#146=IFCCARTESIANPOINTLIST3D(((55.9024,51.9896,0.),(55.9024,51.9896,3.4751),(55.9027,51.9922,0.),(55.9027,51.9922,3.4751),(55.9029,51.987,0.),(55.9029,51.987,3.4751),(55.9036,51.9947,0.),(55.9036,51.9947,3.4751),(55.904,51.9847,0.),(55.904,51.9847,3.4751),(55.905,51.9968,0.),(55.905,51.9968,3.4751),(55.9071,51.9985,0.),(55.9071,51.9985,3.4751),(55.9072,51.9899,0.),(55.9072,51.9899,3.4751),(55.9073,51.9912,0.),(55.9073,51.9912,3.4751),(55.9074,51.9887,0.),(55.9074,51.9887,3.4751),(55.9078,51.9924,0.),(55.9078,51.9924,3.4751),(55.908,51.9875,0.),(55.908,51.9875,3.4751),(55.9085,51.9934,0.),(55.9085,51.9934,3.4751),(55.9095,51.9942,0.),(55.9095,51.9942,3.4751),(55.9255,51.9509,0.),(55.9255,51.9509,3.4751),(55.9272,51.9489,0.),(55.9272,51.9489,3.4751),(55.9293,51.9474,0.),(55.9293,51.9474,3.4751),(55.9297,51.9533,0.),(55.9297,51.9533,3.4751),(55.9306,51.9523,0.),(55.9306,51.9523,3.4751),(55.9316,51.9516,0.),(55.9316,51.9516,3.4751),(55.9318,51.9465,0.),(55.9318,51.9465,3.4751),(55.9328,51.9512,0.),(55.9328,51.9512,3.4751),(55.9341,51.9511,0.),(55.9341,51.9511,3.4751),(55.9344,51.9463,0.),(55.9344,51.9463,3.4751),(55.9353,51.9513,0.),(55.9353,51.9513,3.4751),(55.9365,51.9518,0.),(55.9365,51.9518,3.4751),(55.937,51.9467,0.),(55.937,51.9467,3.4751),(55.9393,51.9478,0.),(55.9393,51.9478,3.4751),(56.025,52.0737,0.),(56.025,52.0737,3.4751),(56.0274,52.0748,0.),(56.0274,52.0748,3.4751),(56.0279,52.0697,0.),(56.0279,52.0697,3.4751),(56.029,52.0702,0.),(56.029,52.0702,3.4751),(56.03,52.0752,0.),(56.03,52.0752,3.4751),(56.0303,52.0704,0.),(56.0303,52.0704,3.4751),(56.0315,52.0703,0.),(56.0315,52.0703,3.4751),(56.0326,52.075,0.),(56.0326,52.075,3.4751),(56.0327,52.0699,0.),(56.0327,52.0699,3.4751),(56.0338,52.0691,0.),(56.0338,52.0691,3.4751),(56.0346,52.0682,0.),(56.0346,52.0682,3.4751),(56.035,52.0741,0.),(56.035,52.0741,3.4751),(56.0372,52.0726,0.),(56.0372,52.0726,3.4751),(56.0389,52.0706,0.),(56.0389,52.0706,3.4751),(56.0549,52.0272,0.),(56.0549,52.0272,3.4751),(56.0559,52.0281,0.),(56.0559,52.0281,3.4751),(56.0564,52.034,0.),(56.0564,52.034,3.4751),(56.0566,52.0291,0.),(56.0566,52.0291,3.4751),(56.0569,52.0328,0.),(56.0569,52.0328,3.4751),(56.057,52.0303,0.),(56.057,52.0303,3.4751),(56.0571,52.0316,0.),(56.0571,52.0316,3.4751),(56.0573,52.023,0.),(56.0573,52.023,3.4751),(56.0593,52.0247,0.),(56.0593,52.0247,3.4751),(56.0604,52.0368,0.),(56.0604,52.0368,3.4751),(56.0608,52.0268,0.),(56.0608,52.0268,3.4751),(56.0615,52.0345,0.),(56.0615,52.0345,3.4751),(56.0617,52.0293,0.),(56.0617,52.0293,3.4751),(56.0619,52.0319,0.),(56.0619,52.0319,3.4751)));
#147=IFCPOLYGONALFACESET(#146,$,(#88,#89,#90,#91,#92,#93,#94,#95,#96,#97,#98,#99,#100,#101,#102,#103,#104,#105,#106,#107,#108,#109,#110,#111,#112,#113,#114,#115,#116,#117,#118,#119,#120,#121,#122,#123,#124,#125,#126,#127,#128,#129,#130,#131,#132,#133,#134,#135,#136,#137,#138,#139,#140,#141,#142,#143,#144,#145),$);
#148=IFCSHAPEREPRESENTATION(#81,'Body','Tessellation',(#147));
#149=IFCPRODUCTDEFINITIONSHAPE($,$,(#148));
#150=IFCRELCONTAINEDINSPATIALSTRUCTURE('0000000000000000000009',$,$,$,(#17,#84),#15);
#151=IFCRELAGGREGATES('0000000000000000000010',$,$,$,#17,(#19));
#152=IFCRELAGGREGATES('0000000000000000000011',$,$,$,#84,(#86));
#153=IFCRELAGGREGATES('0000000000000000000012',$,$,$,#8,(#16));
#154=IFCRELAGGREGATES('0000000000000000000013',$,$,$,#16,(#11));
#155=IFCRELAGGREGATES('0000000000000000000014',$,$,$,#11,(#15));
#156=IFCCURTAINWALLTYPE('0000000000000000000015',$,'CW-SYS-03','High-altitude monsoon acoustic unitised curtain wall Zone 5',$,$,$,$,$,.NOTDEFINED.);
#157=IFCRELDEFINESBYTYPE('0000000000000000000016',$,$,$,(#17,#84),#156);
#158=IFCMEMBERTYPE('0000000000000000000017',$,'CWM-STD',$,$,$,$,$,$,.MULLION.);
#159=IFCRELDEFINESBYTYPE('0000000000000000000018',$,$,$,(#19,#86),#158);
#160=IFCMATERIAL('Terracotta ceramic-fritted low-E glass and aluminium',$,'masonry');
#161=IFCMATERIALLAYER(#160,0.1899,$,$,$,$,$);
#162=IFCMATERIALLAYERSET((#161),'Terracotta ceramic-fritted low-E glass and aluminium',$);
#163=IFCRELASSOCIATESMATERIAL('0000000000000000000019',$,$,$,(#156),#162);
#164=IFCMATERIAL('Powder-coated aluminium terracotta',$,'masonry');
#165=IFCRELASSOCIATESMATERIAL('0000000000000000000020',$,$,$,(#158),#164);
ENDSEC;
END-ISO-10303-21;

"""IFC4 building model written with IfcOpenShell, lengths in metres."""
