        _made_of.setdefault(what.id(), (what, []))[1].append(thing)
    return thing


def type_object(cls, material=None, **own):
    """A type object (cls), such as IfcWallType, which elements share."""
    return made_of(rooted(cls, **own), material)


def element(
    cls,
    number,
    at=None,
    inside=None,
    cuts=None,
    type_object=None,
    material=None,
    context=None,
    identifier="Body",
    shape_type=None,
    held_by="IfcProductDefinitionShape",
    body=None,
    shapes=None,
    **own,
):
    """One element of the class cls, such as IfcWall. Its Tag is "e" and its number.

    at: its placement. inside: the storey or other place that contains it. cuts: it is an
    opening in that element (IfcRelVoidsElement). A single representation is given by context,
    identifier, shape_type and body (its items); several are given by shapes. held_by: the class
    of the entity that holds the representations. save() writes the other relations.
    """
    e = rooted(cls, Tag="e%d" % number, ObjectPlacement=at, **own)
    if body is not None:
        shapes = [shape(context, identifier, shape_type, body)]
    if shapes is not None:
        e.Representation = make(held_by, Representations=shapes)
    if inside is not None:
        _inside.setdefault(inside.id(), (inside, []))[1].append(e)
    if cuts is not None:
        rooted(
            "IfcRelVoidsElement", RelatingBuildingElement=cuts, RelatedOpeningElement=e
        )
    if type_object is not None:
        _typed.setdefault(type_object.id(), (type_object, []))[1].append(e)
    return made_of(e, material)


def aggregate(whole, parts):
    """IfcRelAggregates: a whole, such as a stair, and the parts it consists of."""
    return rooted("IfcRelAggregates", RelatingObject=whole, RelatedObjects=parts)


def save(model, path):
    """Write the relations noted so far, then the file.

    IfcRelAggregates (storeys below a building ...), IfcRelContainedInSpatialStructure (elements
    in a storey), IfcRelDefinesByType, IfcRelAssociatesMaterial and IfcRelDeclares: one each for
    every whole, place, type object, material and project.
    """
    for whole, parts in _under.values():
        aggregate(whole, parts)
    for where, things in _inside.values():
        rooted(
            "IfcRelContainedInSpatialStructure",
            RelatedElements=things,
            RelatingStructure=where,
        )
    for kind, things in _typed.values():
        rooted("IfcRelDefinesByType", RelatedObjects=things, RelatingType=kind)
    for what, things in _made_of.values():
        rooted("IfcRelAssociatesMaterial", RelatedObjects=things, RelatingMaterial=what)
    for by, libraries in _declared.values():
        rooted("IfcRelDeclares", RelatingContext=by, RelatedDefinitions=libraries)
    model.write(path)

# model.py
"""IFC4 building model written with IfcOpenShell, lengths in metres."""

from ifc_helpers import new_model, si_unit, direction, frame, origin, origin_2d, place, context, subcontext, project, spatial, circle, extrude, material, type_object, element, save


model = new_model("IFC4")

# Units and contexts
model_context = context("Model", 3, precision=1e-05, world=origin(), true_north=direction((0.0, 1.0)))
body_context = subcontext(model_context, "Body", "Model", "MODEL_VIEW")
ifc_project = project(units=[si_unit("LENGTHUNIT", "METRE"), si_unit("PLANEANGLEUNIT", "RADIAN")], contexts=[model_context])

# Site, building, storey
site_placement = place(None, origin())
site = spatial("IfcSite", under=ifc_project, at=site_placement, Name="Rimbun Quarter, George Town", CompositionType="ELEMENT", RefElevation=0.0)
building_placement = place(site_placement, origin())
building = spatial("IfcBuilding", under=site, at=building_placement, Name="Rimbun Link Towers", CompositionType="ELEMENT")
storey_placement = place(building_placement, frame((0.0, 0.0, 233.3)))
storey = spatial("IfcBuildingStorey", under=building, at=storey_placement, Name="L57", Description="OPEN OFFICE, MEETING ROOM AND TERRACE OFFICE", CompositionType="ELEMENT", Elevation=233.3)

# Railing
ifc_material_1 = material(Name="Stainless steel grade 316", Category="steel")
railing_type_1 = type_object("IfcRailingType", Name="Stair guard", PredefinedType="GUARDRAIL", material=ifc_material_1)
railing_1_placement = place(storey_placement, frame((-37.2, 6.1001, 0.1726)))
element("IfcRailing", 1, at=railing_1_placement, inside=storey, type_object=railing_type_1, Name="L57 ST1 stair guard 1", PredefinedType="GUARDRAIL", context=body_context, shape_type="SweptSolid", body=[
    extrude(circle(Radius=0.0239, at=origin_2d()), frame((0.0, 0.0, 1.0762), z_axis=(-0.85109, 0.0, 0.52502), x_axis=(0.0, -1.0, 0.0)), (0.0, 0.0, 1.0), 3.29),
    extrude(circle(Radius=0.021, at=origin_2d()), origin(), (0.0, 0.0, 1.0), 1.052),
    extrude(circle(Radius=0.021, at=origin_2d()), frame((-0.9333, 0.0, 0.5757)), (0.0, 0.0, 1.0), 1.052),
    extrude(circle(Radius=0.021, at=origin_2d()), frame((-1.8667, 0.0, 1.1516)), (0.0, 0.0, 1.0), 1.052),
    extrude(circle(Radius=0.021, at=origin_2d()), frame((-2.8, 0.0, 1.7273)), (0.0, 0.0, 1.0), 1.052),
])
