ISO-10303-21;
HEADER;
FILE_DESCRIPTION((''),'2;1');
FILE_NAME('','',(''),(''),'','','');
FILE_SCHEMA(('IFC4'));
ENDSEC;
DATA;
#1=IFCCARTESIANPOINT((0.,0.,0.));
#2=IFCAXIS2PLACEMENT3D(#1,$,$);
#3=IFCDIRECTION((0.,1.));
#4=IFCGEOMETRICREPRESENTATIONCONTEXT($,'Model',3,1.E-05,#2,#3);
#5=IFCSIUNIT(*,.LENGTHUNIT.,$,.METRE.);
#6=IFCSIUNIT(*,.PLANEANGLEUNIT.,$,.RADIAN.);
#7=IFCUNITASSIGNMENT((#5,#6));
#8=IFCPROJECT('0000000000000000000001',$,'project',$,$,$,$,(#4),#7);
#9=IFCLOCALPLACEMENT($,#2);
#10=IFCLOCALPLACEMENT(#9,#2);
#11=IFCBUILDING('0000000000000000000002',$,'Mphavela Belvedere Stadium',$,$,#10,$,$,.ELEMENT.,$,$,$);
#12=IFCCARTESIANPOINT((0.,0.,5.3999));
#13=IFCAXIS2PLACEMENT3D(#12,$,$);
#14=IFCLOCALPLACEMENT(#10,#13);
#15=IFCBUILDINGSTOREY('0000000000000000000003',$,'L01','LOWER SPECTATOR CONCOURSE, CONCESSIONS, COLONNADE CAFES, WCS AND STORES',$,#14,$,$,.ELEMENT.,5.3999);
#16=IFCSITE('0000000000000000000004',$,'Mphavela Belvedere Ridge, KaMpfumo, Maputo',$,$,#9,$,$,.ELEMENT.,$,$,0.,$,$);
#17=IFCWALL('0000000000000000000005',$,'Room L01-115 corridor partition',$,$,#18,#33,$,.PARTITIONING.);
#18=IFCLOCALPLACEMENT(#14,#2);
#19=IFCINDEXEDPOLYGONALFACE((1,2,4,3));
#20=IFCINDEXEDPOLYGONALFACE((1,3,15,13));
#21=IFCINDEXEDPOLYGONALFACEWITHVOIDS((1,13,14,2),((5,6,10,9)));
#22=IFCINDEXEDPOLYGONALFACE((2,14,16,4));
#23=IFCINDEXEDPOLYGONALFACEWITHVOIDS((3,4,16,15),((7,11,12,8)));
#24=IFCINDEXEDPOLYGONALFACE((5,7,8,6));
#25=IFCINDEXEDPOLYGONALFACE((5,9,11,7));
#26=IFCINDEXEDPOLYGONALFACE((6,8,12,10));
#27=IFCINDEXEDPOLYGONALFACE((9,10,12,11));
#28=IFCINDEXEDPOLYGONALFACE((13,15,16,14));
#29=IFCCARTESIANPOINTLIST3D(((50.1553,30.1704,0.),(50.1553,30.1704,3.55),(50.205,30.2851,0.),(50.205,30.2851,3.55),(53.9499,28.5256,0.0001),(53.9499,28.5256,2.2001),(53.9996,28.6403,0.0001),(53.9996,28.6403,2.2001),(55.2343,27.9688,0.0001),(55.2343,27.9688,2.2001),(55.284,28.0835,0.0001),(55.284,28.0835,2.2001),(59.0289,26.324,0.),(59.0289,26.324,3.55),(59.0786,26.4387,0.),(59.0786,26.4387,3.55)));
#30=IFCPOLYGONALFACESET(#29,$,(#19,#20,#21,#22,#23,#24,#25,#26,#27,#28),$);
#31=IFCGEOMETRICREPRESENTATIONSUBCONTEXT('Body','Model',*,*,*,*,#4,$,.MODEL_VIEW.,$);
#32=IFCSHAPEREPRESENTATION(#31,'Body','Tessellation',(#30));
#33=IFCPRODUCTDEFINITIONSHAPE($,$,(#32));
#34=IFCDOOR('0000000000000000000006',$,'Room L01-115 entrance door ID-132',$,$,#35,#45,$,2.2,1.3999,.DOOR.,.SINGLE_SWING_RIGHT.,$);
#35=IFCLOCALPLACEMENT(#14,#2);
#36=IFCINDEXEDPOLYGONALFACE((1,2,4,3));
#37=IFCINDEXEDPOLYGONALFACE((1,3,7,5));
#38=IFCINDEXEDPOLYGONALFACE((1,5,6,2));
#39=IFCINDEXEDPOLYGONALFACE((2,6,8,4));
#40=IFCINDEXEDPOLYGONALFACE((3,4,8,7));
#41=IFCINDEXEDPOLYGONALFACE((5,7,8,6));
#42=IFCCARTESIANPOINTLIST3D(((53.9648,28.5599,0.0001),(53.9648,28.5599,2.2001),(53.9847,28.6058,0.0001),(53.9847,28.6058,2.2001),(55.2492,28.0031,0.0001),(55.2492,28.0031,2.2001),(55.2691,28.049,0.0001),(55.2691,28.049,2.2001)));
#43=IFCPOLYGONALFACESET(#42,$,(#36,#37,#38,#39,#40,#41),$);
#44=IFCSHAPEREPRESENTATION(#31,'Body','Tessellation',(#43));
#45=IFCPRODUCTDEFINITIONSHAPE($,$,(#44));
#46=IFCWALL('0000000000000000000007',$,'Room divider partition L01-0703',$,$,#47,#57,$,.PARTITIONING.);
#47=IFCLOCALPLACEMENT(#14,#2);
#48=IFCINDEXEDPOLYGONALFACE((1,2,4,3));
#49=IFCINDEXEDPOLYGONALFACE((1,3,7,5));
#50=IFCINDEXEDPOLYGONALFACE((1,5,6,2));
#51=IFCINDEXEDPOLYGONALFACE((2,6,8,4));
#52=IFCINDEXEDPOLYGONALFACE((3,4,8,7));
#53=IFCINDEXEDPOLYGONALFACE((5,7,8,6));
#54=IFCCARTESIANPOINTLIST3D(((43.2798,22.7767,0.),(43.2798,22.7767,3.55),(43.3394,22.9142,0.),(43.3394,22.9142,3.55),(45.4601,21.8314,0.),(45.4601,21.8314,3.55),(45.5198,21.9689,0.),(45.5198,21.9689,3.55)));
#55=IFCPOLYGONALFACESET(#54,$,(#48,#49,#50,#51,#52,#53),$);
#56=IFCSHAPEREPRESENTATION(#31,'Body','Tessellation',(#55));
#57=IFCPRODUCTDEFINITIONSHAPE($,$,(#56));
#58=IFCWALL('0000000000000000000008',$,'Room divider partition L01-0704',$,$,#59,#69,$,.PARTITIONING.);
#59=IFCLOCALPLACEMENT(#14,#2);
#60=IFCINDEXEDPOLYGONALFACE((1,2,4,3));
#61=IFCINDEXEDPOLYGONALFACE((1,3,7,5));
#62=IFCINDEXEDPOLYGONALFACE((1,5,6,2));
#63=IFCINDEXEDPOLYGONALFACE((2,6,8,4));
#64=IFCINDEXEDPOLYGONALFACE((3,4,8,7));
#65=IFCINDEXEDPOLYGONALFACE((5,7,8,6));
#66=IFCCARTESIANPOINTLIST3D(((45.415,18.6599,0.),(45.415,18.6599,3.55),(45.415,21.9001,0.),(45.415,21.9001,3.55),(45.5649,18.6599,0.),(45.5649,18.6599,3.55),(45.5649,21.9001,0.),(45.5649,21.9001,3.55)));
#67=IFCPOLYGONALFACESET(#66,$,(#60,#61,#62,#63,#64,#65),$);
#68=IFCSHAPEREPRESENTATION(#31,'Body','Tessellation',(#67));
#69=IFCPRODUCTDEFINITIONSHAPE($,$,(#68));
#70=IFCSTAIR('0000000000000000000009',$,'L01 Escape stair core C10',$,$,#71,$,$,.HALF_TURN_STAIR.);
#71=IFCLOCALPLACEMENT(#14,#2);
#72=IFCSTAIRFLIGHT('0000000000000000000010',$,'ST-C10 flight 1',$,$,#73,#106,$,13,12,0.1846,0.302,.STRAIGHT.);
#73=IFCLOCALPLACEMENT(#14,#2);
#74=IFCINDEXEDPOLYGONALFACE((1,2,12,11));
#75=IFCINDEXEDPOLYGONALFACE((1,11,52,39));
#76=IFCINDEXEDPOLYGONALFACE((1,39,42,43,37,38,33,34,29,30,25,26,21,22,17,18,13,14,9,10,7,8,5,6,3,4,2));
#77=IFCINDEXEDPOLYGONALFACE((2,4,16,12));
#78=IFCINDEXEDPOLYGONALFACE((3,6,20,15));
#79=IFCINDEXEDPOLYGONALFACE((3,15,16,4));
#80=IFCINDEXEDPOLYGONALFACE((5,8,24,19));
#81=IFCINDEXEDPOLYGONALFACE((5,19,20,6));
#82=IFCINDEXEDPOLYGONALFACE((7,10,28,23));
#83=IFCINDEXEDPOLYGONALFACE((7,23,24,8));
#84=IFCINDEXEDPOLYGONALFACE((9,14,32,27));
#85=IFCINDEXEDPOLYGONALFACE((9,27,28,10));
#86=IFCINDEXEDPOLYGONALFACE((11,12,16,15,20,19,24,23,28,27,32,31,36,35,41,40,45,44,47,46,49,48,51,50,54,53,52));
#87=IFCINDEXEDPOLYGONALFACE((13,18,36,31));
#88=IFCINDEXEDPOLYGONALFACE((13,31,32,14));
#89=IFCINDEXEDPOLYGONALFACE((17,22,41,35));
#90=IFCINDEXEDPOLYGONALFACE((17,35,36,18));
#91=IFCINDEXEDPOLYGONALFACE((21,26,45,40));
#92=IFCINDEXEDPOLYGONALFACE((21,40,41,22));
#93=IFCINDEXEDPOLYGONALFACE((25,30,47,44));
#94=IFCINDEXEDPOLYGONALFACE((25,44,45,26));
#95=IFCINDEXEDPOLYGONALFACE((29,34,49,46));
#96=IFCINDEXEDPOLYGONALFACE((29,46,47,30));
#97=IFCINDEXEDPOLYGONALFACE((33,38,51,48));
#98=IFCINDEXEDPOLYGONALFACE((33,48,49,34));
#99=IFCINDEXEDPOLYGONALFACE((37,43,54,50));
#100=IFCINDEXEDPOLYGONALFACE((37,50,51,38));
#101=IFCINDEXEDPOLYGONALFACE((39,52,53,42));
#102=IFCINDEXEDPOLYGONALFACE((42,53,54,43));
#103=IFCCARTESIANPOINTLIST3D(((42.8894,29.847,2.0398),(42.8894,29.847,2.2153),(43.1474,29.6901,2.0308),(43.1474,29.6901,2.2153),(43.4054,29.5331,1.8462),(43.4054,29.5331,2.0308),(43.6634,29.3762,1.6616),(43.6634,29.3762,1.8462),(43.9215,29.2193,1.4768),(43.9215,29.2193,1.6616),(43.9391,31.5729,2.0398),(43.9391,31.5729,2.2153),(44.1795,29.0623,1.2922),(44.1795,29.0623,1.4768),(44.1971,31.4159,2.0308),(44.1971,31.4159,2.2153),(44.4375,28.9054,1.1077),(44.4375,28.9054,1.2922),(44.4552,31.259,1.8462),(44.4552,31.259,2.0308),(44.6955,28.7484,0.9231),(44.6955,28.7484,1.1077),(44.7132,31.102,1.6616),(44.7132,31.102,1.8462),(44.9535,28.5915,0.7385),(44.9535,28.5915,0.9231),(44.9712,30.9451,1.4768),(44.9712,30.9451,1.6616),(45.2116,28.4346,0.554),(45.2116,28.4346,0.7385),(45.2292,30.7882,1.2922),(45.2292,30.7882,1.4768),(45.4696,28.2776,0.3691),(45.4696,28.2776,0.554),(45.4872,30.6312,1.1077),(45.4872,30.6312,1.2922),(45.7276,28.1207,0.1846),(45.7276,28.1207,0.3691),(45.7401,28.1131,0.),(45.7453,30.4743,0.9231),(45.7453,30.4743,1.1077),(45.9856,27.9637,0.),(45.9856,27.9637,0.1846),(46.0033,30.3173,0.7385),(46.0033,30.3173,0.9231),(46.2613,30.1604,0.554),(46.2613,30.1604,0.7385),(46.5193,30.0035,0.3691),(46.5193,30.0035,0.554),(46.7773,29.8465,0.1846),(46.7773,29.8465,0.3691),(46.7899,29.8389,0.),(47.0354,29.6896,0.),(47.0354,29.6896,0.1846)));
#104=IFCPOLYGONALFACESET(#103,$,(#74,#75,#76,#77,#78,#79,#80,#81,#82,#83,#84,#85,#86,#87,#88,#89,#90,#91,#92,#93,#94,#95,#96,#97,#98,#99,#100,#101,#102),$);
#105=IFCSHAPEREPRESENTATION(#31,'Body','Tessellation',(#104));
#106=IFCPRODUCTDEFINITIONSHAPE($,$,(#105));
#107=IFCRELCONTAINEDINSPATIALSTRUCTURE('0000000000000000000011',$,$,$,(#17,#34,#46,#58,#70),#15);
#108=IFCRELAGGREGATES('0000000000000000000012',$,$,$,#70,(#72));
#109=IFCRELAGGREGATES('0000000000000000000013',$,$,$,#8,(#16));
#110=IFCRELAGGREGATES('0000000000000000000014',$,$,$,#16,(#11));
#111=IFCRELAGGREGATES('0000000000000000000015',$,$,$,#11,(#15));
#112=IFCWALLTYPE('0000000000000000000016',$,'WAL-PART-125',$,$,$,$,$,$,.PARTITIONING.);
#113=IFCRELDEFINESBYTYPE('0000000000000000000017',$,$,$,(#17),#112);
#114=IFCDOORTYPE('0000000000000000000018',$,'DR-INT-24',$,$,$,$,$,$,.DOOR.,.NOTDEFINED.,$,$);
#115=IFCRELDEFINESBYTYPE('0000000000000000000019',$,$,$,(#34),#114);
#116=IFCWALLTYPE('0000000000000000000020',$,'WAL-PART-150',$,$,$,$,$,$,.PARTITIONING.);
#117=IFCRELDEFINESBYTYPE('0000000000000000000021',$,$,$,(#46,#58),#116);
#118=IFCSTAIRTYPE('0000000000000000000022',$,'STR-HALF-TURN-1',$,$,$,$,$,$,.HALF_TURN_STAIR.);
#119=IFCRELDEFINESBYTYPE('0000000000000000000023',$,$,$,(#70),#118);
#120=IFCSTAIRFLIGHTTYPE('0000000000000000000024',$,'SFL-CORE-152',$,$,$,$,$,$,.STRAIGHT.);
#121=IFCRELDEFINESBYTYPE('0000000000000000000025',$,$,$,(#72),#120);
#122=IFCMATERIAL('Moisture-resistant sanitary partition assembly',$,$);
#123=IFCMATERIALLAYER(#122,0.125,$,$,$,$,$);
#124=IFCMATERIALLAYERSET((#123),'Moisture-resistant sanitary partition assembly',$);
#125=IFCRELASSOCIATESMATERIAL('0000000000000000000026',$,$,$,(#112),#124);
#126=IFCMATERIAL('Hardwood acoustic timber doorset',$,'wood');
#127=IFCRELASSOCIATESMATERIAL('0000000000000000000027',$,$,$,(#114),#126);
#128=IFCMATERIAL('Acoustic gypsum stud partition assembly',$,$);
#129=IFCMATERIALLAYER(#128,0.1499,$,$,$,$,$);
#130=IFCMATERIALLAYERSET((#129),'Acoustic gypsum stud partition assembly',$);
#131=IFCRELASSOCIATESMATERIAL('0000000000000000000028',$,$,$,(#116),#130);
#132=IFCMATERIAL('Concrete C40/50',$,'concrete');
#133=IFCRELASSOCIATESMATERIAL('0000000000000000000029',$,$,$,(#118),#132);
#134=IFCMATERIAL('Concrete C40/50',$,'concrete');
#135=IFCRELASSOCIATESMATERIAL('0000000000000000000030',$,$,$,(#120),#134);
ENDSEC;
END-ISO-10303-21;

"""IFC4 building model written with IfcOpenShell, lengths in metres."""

from ifc_helpers import new_model, si_unit, direction, frame, frame_2d, origin, place, context, subcontext, project, spatial, polyline, rectangle, outline, extrude, material, layer, layer_set, type_object, element, fill, aggregate, save


model = new_model("IFC4")

# Units and contexts
model_context = context("Model", 3, precision=1e-05, world=origin(), true_north=direction((0.0, 1.0)))
body_context = subcontext(model_context, "Body", "Model", "MODEL_VIEW")
ifc_project = project(units=[si_unit("LENGTHUNIT", "METRE"), si_unit("PLANEANGLEUNIT", "RADIAN")], contexts=[model_context])

# Site, building, storey
site_placement = place(None, origin())
site = spatial("IfcSite", under=ifc_project, at=site_placement, Name="Mphavela Belvedere Ridge, KaMpfumo, Maputo", CompositionType="ELEMENT", RefElevation=0.0)
building_placement = place(site_placement, origin())
building = spatial("IfcBuilding", under=site, at=building_placement, Name="Mphavela Belvedere Stadium", CompositionType="ELEMENT")
storey_placement = place(building_placement, frame((0.0, 0.0, 5.3999)))
storey = spatial("IfcBuildingStorey", under=building, at=storey_placement, Name="L01", Description="LOWER SPECTATOR CONCOURSE, CONCESSIONS, COLONNADE CAFES, WCS AND STORES", CompositionType="ELEMENT", Elevation=5.3999)

# Wall, opening, door
ifc_material_1 = material(Name="Moisture-resistant sanitary partition assembly")
ifc_layer_1 = layer(ifc_material_1, 0.125)
ifc_layer_set_1 = layer_set([ifc_layer_1], Name="Moisture-resistant sanitary partition assembly")
wall_type_1 = type_object("IfcWallType", Name="WAL-PART-125", PredefinedType="PARTITIONING", material=ifc_layer_set_1)
wall_1_placement = place(storey_placement, frame((50.1802, 30.2278, 0.0), z_axis=(0.0, 0.0, 1.0), x_axis=(0.917509, -0.397715, 0.0)))
wall_1 = element("IfcWall", 1, at=wall_1_placement, inside=storey, type_object=wall_type_1, Name="Room L01-115 corridor partition", PredefinedType="PARTITIONING", context=body_context, shape_type="SweptSolid", body=[
    extrude(rectangle(XDim=9.6714, YDim=0.125, at=frame_2d((4.8357, 0.0))), origin(), (0.0, 0.0, 1.0), 3.55),
])
opening_1_placement = place(wall_1_placement, frame((4.1357, 0.0, 0.0)))
opening_1 = element("IfcOpeningElement", 2, at=opening_1_placement, cuts=wall_1, PredefinedType="OPENING", context=body_context, shape_type="SweptSolid", body=[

### INSTRUCTIONS FOR THE TASK
In the listing above, find the line containing "#68=IFCSHAPEREPRESENTATION(#31,'Body','Tessellation',(#67));" and the line containing "#99=IFCINDEXEDPOLYGONALFACE((37,43,54,50));". Output them and every line between, exactly, and nothing else.

### WRITTEN SOLUTION
#68=IFCSHAPEREPRESENTATION(#31,'Body','Tessellation',(#67));
#69=IFCPRODUCTDEFINITIONSHAPE($,$,(#68));
#70=IFCSTAIR('0000000000000000000009',$,'L01 Escape stair core C10',$,$,#71,$,$,.HALF_TURN_STAIR.);
#71=IFCLOCALPLACEMENT(#14,#2);
#72=IFCSTAIRFLIGHT('0000000000000000000010',$,'ST-C10 flight 1',$,$,#73,#106,$,13,12,0.1846,0.302,.STRAIGHT.);
#73=IFCLOCALPLACEMENT(#14,#2);
#74=IFCINDEXEDPOLYGONALFACE((1,2,12,11));
#75=IFCINDEXEDPOLYGONALFACE((1,11,52,39));
#76=IFCINDEXEDPOLYGONALFACE((1,39,42,43,37,38,33,34,29,30,25,26,21,22,17,18,13,14,9,10,7,8,5,6,3,4,2));
#77=IFCINDEXEDPOLYGONALFACE((2,4,16,12));
#78=IFCINDEXEDPOLYGONALFACE((3,6,20,15));
#79=IFCINDEXEDPOLYGONALFACE((3,15,16,4));
#80=IFCINDEXEDPOLYGONALFACE((5,8,24,19));
#81=IFCINDEXEDPOLYGONALFACE((5,19,20,6));
#82=IFCINDEXEDPOLYGONALFACE((7,10,28,23));
#83=IFCINDEXEDPOLYGONALFACE((7,23,24,8));
#84=IFCINDEXEDPOLYGONALFACE((9,14,32,27));
#85=IFCINDEXEDPOLYGONALFACE((9,27,28,10));
#86=IFCINDEXEDPOLYGONALFACE((11,12,16,15,20,19,24,23,28,27,32,31,36,35,41,40,45,44,47,46,49,48,51,50,54,53,52));
#87=IFCINDEXEDPOLYGONALFACE((13,18,36,31));
#88=IFCINDEXEDPOLYGONALFACE((13,31,32,14));
#89=IFCINDEXEDPOLYGONALFACE((17,22,41,35));
#90=IFCINDEXEDPOLYGONALFACE((17,35,36,18));
#91=IFCINDEXEDPOLYGONALFACE((21,26,45,40));
#92=IFCINDEXEDPOLYGONALFACE((21,40,41,22));
#93=IFCINDEXEDPOLYGONALFACE((25,30,47,44));
#94=IFCINDEXEDPOLYGONALFACE((25,44,45,26));
#95=IFCINDEXEDPOLYGONALFACE((29,34,49,46));
#96=IFCINDEXEDPOLYGONALFACE((29,46,47,30));
#97=IFCINDEXEDPOLYGONALFACE((33,38,51,48));
#98=IFCINDEXEDPOLYGONALFACE((33,48,49,34));
#99=IFCINDEXEDPOLYGONALFACE((37,43,54,50));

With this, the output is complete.